▶ _EXERCISE DIRECTIONS_
Only lines containing the word "contexts" are needed; pull them out of the material.

▶ _INPUT DATA_

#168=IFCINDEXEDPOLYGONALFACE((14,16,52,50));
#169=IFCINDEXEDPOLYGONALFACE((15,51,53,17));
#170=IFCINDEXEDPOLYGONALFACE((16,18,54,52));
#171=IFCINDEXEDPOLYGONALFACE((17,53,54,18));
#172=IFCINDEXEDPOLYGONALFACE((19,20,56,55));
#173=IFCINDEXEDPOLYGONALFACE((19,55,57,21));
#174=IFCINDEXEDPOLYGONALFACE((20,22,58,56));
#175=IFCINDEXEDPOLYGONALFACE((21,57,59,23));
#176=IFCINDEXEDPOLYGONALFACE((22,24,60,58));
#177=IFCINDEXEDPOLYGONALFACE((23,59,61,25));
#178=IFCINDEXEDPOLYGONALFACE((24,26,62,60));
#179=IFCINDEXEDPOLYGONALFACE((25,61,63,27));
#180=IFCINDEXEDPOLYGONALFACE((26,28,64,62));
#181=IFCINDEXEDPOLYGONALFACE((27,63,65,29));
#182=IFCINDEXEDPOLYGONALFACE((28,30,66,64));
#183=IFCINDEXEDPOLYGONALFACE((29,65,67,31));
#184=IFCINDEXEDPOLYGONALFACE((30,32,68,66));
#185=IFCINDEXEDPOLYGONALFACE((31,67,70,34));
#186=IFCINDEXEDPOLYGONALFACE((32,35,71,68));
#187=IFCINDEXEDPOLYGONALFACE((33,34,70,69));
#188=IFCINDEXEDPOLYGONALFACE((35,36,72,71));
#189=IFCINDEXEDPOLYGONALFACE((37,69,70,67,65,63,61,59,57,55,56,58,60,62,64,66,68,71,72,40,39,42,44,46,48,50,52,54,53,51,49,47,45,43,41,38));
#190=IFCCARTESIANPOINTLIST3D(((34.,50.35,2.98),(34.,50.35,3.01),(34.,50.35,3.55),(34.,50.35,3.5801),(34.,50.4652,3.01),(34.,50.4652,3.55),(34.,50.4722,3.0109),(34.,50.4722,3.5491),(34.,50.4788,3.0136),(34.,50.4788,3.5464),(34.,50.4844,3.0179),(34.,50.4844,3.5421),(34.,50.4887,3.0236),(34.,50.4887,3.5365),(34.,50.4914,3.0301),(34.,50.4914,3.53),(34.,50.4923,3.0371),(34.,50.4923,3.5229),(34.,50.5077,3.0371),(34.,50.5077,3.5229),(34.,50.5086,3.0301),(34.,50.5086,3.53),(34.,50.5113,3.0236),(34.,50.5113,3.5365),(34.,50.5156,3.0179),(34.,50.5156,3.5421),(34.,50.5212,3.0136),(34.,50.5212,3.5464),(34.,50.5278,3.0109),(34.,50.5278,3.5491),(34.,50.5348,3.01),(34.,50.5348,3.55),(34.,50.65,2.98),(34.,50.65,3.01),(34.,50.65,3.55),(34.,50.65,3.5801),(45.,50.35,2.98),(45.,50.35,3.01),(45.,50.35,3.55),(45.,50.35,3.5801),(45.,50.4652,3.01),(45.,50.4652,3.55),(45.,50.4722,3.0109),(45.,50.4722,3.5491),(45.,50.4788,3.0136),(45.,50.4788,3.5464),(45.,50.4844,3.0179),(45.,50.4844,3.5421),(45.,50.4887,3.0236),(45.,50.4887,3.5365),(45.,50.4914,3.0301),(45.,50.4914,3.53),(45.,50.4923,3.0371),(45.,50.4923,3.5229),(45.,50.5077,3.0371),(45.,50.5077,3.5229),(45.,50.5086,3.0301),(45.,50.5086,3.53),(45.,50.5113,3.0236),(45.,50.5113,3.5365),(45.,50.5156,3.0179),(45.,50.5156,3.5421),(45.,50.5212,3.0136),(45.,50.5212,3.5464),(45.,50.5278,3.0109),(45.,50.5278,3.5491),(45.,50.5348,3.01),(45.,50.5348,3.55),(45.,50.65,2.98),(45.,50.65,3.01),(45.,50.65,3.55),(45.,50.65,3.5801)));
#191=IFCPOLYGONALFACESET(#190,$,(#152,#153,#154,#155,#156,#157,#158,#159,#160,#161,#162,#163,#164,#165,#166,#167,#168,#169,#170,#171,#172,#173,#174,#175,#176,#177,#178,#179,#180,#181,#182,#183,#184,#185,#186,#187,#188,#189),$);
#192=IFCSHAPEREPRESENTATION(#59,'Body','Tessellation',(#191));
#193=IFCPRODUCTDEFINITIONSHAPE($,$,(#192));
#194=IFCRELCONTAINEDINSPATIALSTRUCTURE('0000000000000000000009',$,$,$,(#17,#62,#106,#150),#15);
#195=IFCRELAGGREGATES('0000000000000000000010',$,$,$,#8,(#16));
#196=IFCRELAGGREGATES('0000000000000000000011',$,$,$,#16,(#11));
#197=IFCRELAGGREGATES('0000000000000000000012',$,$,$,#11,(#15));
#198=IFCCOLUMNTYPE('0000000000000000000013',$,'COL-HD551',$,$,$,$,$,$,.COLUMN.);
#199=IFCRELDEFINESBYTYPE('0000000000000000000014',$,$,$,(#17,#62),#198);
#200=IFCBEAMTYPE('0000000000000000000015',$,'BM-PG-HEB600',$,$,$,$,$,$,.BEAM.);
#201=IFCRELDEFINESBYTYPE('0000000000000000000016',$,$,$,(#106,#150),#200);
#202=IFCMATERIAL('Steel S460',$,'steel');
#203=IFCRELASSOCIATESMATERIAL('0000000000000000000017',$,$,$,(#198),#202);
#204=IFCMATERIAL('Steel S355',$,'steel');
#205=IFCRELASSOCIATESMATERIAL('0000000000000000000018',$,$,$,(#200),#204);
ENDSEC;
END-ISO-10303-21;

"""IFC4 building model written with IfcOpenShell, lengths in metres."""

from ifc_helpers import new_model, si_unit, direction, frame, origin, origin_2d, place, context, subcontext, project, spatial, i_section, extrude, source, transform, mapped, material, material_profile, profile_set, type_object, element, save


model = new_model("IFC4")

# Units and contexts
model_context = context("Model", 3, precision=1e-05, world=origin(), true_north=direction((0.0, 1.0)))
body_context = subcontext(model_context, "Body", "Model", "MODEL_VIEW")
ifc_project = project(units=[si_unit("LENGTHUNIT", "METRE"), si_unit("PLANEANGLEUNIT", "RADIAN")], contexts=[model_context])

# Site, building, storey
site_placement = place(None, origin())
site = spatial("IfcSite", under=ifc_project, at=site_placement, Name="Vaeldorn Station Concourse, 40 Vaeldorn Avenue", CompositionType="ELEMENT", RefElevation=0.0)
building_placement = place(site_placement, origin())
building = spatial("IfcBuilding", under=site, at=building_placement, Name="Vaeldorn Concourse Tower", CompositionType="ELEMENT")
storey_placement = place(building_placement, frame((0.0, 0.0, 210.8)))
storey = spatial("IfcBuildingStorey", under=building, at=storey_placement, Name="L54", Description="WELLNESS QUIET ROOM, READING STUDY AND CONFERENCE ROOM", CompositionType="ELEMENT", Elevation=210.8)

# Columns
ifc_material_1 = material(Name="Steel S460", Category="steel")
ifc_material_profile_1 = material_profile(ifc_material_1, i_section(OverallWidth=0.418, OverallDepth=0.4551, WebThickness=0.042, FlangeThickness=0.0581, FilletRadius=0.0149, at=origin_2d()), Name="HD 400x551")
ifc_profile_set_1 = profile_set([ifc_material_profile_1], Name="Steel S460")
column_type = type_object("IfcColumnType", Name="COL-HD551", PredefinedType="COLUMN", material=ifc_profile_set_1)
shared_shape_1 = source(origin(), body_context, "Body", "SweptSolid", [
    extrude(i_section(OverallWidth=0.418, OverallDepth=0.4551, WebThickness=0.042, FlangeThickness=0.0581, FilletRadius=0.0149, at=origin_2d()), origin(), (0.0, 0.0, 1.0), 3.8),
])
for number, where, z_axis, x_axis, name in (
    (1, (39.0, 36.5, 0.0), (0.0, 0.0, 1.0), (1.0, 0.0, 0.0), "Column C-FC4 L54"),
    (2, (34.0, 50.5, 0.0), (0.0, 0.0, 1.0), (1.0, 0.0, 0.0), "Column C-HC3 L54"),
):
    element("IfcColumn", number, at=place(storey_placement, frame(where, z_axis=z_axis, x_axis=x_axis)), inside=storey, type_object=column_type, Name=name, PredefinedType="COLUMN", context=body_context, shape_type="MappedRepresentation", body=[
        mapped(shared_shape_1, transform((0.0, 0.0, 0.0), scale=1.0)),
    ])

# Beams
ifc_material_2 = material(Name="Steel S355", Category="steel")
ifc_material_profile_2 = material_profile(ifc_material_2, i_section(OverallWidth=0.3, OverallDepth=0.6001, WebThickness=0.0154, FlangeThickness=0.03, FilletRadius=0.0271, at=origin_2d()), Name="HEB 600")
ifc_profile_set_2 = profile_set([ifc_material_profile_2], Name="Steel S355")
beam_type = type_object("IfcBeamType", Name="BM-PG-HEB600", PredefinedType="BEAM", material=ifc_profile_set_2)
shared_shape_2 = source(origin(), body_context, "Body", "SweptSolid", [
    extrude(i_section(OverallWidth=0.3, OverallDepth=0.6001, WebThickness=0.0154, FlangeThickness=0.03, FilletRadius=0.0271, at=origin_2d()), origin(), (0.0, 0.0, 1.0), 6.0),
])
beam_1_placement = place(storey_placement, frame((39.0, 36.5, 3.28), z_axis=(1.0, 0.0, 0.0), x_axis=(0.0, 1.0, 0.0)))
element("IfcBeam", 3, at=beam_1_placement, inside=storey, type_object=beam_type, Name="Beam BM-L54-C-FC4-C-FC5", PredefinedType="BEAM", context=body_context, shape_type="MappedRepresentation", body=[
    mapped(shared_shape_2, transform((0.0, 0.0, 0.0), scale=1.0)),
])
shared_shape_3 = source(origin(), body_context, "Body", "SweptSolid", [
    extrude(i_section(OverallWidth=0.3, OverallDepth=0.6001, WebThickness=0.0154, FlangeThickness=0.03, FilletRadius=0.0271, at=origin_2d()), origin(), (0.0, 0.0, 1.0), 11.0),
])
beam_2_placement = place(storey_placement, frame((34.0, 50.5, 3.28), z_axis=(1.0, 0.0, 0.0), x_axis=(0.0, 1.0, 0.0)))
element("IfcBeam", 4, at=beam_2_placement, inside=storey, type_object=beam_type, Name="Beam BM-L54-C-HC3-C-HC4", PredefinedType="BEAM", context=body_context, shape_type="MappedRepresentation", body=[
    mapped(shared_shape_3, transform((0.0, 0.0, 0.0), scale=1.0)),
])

▶ _PROBLEM SOLUTION_
# Units and contexts
ifc_project = project(units=[si_unit("LENGTHUNIT", "METRE"), si_unit("PLANEANGLEUNIT", "RADIAN")], contexts=[model_context])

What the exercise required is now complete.